Assigned task: Your task is to gather the lines below that hold the string "Radius".

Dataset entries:
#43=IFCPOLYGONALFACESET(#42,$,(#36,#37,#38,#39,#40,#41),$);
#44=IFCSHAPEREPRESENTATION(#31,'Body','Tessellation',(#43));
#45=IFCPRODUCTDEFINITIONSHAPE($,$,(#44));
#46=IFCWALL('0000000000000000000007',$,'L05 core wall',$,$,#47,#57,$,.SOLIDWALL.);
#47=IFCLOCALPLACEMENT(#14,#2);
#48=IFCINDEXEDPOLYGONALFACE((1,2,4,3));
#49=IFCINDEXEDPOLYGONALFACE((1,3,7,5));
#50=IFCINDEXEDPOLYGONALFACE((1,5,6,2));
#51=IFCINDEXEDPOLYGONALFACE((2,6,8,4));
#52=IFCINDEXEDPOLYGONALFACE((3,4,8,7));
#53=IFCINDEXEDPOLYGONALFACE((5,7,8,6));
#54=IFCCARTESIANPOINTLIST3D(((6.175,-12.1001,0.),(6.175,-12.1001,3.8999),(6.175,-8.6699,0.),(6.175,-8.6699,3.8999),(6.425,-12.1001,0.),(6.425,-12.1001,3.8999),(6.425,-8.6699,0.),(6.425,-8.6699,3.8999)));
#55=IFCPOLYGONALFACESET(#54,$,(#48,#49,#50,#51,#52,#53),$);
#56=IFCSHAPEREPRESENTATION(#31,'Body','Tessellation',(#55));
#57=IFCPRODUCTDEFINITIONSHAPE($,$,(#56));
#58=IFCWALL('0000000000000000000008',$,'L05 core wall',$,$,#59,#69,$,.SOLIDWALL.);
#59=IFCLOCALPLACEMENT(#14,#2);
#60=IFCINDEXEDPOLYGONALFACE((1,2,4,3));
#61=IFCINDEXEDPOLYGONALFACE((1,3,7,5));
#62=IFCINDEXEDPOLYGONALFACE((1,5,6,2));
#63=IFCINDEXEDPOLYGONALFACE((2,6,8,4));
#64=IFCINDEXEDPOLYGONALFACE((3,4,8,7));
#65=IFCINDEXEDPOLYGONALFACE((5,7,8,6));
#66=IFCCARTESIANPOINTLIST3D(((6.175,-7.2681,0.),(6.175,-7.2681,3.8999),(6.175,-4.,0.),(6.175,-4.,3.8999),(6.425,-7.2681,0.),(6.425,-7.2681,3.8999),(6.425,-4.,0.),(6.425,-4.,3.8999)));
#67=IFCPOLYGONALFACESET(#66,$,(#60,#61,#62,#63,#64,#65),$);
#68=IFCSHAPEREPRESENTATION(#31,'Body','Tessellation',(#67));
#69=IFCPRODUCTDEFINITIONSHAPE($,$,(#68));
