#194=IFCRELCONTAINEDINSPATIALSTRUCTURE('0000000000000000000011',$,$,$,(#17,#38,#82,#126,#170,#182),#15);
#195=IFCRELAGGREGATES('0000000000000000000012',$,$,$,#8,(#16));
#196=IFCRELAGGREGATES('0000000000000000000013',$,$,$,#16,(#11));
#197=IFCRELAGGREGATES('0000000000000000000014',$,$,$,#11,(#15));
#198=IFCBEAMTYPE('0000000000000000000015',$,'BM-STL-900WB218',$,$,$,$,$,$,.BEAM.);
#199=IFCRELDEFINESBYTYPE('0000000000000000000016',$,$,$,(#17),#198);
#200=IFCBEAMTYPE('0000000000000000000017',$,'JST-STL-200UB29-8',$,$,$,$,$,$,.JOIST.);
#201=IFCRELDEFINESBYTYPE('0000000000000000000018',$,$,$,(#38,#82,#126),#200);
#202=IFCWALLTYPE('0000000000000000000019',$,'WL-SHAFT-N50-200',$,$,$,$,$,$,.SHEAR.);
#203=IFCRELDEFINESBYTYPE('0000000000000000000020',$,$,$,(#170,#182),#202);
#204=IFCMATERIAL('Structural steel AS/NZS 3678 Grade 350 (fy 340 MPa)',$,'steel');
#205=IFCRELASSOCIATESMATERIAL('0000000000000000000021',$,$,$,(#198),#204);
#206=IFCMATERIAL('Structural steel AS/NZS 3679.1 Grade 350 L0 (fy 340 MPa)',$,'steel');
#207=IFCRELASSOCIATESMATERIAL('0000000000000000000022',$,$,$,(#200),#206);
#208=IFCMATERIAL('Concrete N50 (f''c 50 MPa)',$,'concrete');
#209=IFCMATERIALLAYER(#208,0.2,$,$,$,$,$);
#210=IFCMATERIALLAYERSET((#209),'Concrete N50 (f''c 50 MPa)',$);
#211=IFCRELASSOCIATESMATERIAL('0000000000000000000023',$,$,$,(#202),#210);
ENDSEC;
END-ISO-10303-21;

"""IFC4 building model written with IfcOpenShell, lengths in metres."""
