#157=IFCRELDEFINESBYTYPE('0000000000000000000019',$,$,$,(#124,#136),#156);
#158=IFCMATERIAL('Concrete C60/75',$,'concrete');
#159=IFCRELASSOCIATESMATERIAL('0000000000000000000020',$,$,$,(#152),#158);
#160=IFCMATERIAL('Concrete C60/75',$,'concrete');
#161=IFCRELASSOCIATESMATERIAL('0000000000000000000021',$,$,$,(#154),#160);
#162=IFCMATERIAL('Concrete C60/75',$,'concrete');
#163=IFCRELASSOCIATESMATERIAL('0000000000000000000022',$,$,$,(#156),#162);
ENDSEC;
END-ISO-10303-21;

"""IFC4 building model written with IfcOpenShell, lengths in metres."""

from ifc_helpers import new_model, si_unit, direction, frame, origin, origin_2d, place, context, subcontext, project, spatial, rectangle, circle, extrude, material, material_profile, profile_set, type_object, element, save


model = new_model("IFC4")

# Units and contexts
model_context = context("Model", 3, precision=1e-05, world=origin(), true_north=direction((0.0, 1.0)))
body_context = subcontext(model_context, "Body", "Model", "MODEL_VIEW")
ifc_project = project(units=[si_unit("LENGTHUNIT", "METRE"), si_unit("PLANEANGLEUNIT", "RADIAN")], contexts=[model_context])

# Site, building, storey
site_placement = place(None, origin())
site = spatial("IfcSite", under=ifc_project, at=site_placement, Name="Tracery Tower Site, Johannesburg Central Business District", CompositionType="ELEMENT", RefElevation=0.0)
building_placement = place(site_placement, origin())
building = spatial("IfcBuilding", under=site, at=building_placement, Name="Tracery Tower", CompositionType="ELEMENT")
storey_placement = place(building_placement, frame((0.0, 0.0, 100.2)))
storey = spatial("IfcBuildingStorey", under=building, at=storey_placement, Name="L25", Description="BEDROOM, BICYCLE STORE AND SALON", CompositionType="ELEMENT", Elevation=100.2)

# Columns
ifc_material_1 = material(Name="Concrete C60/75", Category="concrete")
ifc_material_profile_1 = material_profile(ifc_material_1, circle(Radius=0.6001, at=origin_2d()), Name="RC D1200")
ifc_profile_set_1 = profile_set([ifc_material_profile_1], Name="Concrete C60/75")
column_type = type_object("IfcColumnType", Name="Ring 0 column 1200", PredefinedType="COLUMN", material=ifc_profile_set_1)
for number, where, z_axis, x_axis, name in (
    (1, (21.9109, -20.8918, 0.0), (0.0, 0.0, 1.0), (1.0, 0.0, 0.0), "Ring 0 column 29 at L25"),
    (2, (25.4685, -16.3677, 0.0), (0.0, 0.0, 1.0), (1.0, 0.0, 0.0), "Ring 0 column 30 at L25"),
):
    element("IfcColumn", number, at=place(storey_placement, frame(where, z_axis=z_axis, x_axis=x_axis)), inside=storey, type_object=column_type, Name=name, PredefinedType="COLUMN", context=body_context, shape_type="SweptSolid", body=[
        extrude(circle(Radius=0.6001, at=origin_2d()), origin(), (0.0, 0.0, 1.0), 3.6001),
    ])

Response area:
ifc_material_profile_1 = material_profile(ifc_material_1, circle(Radius=0.6001, at=origin_2d()), Name="RC D1200")
        extrude(circle(Radius=0.6001, at=origin_2d()), origin(), (0.0, 0.0, 1.0), 3.6001),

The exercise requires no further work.